# INFORMATION PROVIDED
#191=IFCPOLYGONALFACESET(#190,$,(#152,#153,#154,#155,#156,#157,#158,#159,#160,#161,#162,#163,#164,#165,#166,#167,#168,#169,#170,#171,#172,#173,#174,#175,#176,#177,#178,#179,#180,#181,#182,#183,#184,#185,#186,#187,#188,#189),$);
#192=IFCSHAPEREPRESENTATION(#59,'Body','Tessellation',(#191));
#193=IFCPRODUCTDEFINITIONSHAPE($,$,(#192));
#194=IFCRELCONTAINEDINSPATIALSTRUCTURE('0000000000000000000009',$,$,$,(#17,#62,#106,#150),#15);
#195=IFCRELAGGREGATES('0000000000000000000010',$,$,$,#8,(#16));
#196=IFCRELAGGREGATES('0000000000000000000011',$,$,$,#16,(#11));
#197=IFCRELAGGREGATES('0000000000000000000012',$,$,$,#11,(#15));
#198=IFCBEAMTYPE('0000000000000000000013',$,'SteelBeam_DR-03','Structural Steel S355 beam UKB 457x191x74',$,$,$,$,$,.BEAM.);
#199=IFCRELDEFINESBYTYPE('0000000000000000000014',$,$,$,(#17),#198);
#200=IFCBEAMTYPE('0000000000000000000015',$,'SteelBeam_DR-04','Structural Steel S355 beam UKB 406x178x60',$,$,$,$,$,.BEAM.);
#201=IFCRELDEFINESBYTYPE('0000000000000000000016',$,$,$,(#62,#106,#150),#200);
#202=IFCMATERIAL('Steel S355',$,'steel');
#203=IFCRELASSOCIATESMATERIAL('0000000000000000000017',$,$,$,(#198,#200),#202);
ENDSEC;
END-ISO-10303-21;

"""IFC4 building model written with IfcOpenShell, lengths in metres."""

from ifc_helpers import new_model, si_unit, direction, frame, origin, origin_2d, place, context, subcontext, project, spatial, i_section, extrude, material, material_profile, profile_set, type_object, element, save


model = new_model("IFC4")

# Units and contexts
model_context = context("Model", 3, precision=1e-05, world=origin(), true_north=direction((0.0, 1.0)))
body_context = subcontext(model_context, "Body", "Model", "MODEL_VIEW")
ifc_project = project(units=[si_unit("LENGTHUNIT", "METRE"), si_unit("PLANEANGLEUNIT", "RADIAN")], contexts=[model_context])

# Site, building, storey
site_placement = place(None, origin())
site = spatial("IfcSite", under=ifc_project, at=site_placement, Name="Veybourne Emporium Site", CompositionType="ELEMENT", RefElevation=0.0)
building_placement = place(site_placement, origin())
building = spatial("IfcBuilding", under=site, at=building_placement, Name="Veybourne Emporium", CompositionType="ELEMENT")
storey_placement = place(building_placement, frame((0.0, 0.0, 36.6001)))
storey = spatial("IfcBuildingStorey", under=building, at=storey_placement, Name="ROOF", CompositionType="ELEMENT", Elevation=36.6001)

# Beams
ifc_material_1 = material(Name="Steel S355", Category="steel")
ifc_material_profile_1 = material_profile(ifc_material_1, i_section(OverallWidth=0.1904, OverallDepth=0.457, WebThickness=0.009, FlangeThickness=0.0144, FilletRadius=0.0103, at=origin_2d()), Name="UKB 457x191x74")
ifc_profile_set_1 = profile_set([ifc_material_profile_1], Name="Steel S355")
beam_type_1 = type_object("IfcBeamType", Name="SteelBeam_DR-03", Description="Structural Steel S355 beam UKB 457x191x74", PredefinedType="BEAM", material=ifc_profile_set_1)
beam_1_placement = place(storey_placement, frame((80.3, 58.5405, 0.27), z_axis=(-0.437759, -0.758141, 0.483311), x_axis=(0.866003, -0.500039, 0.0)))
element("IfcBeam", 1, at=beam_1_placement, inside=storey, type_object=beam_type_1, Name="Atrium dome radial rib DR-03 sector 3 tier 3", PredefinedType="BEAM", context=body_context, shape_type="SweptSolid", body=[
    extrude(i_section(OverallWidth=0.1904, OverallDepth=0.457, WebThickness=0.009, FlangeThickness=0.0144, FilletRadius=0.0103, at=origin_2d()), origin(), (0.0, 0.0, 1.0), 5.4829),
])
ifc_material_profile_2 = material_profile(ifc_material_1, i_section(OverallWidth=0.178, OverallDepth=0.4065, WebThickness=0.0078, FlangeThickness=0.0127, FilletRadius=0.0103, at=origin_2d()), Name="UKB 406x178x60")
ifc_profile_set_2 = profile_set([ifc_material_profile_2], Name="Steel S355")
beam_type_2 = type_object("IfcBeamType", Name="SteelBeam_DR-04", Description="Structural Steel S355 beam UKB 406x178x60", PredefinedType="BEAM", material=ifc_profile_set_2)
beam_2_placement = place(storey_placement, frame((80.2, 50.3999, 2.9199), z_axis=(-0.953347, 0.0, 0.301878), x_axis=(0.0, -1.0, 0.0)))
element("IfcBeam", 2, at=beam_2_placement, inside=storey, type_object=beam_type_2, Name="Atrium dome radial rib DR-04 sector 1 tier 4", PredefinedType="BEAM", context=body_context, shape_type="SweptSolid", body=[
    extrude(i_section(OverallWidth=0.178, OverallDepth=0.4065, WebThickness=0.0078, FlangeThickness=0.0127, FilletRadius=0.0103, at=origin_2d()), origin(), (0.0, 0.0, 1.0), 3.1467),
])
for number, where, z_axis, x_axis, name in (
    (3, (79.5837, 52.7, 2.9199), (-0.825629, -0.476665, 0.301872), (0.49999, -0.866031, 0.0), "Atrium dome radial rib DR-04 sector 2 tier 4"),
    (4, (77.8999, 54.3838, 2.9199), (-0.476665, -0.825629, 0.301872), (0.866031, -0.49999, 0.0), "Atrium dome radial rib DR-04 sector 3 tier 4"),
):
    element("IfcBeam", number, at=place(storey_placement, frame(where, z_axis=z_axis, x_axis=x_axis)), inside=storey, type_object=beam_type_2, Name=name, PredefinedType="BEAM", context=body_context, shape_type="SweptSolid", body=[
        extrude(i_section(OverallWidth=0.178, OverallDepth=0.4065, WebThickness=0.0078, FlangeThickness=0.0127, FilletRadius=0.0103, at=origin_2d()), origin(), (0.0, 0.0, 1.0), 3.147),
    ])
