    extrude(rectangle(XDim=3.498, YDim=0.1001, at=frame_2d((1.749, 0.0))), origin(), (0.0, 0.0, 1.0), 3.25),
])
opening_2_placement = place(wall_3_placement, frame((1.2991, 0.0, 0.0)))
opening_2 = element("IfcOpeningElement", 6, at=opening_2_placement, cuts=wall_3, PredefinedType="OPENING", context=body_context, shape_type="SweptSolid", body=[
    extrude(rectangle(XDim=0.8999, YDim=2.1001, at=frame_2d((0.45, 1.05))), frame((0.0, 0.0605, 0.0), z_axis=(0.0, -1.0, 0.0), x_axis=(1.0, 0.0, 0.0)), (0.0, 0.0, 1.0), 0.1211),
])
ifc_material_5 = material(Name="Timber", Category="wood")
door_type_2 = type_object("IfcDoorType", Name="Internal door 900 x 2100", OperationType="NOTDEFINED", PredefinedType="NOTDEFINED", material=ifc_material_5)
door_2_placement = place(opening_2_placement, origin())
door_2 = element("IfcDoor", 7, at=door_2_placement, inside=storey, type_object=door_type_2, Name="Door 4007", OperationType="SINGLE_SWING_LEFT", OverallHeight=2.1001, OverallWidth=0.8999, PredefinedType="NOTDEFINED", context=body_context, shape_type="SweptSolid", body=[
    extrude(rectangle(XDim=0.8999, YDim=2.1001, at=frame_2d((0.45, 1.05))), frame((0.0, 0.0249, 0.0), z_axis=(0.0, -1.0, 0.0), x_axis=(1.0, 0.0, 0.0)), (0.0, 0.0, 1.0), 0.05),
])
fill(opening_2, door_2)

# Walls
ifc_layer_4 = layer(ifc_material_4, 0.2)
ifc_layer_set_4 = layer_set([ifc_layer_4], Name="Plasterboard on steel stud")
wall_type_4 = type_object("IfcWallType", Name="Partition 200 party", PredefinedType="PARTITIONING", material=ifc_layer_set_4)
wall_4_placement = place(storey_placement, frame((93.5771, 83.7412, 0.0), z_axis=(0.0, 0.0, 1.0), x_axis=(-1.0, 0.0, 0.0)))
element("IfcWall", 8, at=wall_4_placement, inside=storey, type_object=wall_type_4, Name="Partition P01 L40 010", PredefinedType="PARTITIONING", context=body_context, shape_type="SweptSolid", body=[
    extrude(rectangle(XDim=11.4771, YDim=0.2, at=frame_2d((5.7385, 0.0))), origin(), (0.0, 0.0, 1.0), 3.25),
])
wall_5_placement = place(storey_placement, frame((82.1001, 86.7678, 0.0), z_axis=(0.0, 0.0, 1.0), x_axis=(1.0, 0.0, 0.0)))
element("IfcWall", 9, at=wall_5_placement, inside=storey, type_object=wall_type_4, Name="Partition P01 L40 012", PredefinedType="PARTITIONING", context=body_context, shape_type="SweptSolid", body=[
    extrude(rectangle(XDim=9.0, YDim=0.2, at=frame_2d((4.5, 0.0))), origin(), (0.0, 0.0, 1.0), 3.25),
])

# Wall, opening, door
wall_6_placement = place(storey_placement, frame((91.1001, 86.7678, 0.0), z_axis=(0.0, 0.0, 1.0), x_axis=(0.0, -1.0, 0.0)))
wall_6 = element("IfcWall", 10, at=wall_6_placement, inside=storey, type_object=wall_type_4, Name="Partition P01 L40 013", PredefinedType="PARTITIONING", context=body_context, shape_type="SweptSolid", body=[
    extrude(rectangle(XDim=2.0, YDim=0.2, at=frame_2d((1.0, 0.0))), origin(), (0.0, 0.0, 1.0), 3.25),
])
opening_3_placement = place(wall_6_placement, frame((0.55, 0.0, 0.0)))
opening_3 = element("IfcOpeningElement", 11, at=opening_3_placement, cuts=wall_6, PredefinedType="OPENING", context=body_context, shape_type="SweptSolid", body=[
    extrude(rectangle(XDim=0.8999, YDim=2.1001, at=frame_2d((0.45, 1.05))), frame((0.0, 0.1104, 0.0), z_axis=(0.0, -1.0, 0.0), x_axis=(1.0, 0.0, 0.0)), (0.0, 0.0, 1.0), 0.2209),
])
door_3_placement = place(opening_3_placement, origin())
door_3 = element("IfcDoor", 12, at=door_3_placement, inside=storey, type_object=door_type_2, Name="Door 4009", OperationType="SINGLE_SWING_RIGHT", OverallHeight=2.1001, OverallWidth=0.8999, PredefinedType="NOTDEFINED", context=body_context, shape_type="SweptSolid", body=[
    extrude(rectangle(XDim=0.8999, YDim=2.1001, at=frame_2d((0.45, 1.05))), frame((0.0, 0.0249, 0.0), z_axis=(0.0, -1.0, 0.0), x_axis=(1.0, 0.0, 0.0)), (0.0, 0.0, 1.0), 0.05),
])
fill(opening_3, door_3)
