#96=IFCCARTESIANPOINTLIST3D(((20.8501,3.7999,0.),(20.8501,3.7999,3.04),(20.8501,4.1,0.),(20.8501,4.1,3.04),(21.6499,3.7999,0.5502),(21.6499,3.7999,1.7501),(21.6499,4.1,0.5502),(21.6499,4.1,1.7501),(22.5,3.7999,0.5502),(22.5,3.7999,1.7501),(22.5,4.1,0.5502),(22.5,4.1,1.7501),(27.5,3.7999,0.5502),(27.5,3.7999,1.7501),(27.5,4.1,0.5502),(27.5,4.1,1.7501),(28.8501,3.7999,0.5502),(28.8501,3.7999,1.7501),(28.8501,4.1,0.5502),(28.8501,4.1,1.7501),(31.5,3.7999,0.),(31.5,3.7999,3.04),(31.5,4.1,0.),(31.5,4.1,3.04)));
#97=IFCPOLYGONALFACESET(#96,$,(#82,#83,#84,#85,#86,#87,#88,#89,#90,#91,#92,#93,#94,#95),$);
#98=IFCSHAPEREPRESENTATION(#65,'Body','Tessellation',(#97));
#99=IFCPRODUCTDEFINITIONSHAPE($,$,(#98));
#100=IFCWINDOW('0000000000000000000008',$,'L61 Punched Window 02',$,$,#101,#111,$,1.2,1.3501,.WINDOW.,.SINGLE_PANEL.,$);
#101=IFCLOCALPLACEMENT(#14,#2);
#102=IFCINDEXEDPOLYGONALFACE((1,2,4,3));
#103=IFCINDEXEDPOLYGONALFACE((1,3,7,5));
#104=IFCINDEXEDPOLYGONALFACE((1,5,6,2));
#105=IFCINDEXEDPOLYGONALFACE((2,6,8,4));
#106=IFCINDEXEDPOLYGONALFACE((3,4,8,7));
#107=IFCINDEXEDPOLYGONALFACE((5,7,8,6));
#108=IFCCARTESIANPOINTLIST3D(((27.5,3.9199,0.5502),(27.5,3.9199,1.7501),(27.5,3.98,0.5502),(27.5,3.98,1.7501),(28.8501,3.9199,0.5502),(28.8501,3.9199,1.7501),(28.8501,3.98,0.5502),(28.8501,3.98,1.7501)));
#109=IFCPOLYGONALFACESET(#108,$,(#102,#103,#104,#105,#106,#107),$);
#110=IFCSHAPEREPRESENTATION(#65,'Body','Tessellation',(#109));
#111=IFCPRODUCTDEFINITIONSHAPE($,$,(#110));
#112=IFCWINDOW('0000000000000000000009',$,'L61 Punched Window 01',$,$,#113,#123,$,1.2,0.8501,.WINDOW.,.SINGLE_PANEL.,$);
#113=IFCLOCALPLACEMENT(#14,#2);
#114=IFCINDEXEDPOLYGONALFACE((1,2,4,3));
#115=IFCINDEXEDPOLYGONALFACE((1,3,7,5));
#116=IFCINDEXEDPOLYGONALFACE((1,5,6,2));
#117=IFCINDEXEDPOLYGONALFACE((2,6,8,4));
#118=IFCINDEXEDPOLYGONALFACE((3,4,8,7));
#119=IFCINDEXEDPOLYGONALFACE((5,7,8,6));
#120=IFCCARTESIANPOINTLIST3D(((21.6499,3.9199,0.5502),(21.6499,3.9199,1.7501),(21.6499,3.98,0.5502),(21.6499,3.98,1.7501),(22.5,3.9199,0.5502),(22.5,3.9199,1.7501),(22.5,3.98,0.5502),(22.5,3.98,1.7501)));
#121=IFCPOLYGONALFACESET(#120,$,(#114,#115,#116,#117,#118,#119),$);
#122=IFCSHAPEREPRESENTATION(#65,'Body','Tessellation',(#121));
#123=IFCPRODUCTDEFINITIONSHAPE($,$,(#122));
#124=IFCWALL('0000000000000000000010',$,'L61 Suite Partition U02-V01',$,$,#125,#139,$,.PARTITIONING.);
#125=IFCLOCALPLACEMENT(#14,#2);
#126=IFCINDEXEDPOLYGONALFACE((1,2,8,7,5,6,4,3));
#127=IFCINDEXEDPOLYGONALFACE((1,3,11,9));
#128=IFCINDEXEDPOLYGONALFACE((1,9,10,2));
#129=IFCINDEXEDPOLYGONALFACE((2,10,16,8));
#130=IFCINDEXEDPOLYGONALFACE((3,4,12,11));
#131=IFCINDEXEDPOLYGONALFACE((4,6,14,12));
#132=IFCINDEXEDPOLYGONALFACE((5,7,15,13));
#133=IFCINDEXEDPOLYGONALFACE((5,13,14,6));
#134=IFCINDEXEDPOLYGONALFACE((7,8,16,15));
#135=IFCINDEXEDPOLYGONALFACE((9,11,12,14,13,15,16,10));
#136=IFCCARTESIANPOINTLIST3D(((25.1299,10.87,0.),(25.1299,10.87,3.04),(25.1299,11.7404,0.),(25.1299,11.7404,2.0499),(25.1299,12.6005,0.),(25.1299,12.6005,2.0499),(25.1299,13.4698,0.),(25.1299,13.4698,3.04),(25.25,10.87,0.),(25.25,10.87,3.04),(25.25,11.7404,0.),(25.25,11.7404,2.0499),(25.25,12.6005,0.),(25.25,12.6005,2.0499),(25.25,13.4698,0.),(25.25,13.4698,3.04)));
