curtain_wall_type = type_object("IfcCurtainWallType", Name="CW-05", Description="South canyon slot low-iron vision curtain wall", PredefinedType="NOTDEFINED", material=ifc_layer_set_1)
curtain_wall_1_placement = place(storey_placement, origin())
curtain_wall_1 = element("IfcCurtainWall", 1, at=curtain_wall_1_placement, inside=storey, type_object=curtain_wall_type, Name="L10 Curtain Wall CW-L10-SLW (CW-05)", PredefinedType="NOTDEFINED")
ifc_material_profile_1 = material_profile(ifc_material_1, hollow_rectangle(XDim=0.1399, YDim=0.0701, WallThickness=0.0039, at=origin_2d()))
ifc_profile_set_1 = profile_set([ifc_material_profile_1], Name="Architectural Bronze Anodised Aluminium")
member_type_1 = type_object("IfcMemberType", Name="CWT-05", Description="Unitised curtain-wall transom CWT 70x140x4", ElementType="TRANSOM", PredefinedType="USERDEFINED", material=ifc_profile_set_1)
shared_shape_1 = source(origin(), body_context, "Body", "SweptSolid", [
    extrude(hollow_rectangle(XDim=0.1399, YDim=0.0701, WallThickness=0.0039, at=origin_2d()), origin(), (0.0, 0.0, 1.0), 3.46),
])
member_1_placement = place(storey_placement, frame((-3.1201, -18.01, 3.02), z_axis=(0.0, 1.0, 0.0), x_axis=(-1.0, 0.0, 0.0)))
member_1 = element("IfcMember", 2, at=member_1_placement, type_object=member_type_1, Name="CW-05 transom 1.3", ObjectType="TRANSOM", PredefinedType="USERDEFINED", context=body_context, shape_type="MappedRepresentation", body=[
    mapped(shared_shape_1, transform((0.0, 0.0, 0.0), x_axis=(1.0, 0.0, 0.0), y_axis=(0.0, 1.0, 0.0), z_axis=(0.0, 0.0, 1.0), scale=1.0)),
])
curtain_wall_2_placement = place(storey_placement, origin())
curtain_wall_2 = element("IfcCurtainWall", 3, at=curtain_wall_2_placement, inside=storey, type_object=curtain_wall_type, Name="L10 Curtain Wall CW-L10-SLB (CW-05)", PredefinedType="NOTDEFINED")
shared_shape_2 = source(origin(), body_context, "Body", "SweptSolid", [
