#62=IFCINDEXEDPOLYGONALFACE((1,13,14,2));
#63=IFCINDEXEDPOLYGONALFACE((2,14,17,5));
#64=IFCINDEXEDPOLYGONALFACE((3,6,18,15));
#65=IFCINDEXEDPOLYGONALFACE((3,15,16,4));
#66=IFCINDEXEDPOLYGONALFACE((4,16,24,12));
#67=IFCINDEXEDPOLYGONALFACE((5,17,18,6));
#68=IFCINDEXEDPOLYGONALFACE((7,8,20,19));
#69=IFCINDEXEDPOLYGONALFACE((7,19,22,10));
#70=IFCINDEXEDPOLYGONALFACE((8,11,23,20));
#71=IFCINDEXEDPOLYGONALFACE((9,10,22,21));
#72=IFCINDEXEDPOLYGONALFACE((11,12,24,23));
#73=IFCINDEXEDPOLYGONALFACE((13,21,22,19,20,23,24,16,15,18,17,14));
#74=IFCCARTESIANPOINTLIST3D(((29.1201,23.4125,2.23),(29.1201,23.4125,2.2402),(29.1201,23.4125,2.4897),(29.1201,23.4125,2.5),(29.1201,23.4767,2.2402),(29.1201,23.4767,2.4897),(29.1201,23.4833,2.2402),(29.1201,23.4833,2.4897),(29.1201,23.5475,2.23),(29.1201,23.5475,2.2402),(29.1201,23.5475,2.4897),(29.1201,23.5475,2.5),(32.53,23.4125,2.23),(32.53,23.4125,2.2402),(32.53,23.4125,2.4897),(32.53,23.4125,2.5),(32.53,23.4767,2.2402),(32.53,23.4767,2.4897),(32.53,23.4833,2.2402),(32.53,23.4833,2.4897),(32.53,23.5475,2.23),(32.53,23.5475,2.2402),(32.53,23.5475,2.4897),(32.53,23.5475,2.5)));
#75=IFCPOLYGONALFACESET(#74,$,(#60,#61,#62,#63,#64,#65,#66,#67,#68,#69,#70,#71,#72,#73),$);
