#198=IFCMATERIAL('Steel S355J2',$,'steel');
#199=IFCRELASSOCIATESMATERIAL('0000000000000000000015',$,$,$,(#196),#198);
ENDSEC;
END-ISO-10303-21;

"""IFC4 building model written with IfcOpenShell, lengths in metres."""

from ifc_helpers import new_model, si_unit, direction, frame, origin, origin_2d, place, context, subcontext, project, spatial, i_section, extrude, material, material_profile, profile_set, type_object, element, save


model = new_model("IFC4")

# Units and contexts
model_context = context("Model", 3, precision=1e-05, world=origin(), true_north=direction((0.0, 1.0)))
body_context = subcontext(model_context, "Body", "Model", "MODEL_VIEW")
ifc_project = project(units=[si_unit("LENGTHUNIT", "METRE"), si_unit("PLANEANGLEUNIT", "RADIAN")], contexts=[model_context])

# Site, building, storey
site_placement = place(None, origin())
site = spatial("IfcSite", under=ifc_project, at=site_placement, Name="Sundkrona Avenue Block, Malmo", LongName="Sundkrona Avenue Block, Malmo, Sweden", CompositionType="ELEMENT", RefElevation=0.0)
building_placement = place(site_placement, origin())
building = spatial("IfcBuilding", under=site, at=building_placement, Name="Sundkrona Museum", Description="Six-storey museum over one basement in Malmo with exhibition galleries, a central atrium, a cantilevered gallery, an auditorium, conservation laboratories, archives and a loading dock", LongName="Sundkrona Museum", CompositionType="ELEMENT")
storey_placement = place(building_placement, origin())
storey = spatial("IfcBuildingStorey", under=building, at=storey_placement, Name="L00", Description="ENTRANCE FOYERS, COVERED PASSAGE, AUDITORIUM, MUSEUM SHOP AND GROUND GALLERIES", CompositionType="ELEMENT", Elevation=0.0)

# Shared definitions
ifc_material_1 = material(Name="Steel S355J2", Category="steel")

# WHAT THE EXERCISE ASKS
Of the entries above, repeat exactly the lines from the line with "#116=IFCINDEXEDPOLYGONALFACE((1,5,6,2));" through the line with "#123=IFCPRODUCTDEFINITIONSHAPE($,$,(#122));", both of them included.

# OUTPUT OF THE TASK
#116=IFCINDEXEDPOLYGONALFACE((1,5,6,2));
#117=IFCINDEXEDPOLYGONALFACE((2,6,8,4));
#118=IFCINDEXEDPOLYGONALFACE((3,4,8,7));
#119=IFCINDEXEDPOLYGONALFACE((5,7,8,6));
#120=IFCCARTESIANPOINTLIST3D(((21.6499,3.9199,0.5502),(21.6499,3.9199,1.7501),(21.6499,3.98,0.5502),(21.6499,3.98,1.7501),(22.5,3.9199,0.5502),(22.5,3.9199,1.7501),(22.5,3.98,0.5502),(22.5,3.98,1.7501)));
#121=IFCPOLYGONALFACESET(#120,$,(#114,#115,#116,#117,#118,#119),$);
#122=IFCSHAPEREPRESENTATION(#65,'Body','Tessellation',(#121));
#123=IFCPRODUCTDEFINITIONSHAPE($,$,(#122));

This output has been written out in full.